[Start of section]
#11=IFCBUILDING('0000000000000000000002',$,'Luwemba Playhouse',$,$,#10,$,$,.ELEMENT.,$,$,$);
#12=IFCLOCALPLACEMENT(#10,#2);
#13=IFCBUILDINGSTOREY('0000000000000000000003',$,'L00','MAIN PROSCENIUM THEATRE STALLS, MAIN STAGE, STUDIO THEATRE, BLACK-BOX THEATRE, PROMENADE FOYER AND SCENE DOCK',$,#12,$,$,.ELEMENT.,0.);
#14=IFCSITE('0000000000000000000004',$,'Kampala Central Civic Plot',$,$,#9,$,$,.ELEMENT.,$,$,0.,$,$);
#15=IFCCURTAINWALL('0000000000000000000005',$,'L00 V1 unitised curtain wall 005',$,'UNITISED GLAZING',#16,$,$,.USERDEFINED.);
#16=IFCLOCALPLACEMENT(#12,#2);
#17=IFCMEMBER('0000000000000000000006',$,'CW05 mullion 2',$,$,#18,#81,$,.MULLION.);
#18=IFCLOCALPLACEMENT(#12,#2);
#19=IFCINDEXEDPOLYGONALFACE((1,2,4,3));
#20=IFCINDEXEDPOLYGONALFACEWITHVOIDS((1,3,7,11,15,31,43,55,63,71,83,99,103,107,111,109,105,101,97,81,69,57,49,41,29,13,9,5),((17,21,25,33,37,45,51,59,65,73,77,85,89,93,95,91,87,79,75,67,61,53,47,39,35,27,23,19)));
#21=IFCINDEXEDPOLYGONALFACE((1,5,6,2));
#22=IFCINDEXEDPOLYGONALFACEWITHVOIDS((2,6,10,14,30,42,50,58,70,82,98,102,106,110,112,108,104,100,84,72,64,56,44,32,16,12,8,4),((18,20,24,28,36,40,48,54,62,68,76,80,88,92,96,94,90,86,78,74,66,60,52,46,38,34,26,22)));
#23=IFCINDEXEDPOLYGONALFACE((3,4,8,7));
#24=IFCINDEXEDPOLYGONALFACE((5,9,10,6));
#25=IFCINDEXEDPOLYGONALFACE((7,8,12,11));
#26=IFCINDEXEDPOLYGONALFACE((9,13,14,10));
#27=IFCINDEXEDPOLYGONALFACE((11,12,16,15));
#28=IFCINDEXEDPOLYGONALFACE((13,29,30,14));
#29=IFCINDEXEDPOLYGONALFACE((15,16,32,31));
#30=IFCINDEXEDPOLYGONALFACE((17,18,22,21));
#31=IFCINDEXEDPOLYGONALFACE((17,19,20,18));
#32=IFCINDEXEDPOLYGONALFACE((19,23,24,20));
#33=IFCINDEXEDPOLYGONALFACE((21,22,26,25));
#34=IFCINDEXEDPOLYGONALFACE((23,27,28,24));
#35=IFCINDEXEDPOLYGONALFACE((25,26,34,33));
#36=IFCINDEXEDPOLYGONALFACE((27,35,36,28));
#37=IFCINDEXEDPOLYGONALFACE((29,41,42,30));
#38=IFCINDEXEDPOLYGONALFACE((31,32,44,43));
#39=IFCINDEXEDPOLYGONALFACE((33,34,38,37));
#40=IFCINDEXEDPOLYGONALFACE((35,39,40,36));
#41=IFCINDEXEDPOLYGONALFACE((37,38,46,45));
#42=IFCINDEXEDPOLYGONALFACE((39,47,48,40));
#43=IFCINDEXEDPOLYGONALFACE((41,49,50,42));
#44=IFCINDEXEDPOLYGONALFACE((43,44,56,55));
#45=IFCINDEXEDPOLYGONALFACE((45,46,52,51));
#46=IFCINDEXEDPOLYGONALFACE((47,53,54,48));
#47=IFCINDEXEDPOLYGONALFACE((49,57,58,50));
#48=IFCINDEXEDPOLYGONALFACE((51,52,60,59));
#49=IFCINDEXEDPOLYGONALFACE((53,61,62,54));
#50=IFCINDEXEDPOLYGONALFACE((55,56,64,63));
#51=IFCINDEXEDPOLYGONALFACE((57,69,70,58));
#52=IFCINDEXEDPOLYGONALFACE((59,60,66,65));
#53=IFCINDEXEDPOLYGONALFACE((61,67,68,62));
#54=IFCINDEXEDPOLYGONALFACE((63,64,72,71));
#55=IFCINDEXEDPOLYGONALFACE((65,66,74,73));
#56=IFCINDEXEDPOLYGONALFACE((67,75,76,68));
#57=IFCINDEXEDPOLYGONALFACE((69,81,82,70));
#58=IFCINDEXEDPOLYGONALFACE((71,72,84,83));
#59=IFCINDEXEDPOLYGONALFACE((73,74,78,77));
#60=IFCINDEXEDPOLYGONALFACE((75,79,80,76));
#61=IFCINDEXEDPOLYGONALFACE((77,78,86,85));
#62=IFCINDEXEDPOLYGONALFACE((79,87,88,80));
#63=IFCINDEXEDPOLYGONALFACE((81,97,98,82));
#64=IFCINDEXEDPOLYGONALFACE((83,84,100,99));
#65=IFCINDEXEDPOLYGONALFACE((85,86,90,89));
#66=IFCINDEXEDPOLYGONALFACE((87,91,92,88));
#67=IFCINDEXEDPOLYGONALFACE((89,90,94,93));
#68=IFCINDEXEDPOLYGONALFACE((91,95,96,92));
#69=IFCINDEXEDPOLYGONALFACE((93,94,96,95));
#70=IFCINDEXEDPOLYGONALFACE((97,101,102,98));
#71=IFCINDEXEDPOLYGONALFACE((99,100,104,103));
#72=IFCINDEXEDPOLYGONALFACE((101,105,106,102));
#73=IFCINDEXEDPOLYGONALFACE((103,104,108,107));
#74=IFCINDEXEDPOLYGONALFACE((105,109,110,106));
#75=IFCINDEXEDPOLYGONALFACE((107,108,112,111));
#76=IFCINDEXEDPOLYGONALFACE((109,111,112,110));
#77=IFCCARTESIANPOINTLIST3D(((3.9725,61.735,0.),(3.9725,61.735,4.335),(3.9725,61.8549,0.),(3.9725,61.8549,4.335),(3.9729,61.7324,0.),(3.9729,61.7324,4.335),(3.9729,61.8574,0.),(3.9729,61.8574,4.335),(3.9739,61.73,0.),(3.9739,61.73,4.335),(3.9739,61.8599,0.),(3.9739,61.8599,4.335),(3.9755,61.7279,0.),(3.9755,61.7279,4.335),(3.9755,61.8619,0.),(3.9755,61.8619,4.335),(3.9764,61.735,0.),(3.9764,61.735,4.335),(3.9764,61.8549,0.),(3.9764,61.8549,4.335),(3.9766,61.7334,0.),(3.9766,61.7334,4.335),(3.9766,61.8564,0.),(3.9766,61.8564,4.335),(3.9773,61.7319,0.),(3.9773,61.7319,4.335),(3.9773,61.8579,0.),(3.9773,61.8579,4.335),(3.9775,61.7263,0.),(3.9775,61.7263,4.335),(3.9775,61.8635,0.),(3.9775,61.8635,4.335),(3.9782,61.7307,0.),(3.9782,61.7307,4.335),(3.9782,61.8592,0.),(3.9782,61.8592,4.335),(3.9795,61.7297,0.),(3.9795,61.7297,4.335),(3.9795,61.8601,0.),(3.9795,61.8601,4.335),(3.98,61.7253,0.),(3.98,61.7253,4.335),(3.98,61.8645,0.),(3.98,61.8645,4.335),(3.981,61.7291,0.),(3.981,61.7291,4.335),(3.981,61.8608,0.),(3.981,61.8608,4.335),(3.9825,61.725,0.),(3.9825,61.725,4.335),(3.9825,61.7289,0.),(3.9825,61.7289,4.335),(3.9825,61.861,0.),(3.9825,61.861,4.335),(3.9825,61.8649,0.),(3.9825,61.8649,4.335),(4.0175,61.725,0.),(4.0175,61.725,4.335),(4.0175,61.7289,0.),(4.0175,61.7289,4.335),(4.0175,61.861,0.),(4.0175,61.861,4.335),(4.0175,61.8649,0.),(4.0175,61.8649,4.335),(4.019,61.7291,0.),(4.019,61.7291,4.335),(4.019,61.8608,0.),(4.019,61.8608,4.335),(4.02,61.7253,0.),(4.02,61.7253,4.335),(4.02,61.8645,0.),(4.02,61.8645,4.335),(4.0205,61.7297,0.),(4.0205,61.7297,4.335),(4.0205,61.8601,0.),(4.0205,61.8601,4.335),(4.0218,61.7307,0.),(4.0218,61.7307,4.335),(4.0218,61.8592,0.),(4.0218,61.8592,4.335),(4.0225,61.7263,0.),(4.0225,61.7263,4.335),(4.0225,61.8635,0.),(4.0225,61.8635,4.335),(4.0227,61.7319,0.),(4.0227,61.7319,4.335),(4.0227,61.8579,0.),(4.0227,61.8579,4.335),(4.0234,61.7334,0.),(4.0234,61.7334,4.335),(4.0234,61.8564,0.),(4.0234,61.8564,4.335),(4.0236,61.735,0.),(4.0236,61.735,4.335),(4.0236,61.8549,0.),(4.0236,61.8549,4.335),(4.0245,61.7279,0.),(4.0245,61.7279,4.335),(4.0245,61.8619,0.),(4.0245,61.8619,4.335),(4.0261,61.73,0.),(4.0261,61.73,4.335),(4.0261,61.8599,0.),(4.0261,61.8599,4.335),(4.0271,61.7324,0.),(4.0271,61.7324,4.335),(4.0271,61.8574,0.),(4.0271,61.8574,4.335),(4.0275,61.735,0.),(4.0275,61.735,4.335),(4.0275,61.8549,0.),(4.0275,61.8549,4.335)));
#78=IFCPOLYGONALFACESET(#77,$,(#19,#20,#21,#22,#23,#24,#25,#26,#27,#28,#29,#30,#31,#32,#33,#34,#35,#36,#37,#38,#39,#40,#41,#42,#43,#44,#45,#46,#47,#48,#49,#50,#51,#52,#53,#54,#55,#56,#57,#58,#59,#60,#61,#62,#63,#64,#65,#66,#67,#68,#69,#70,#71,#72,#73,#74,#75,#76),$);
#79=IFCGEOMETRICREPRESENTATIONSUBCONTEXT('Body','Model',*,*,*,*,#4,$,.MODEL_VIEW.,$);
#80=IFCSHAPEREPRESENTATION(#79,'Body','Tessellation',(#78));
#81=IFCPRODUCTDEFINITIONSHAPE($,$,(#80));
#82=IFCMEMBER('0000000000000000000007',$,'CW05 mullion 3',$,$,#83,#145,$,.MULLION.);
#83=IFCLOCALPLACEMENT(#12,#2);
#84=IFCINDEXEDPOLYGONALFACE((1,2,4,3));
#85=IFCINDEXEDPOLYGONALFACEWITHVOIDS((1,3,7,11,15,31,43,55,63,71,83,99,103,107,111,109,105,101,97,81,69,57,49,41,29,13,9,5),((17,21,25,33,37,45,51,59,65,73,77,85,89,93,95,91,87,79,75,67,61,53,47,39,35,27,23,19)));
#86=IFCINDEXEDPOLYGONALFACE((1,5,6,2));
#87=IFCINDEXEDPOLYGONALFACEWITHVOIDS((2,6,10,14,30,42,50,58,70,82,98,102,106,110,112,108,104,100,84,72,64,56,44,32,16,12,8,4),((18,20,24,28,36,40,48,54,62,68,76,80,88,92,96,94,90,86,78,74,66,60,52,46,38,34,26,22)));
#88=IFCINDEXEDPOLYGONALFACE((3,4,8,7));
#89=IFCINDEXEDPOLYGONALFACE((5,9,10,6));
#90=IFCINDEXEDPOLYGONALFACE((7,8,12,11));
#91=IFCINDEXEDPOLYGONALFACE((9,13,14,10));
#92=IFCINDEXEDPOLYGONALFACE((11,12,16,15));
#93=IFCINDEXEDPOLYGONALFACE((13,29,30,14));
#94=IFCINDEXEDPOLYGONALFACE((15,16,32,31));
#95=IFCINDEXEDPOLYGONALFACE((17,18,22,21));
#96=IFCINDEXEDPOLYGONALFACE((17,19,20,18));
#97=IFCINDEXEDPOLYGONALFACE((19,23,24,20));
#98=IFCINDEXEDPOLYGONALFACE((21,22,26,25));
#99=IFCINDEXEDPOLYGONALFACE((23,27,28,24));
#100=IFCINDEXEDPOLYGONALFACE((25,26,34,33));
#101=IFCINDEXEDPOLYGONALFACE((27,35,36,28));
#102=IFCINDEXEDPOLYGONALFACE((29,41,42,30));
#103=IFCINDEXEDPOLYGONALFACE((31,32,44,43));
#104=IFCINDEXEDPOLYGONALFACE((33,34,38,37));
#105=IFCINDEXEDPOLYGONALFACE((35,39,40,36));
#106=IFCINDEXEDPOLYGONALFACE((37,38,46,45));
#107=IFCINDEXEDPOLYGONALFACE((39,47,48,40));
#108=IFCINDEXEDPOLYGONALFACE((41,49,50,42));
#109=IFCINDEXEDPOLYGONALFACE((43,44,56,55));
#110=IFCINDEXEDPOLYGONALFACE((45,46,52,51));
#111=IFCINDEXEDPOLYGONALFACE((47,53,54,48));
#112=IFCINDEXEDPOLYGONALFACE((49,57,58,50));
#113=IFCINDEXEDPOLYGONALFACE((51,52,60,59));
[End of section]
Within the listing, how many lines hold the word "mullion"? Only the number is to be given.

_RESULT BELOW_
2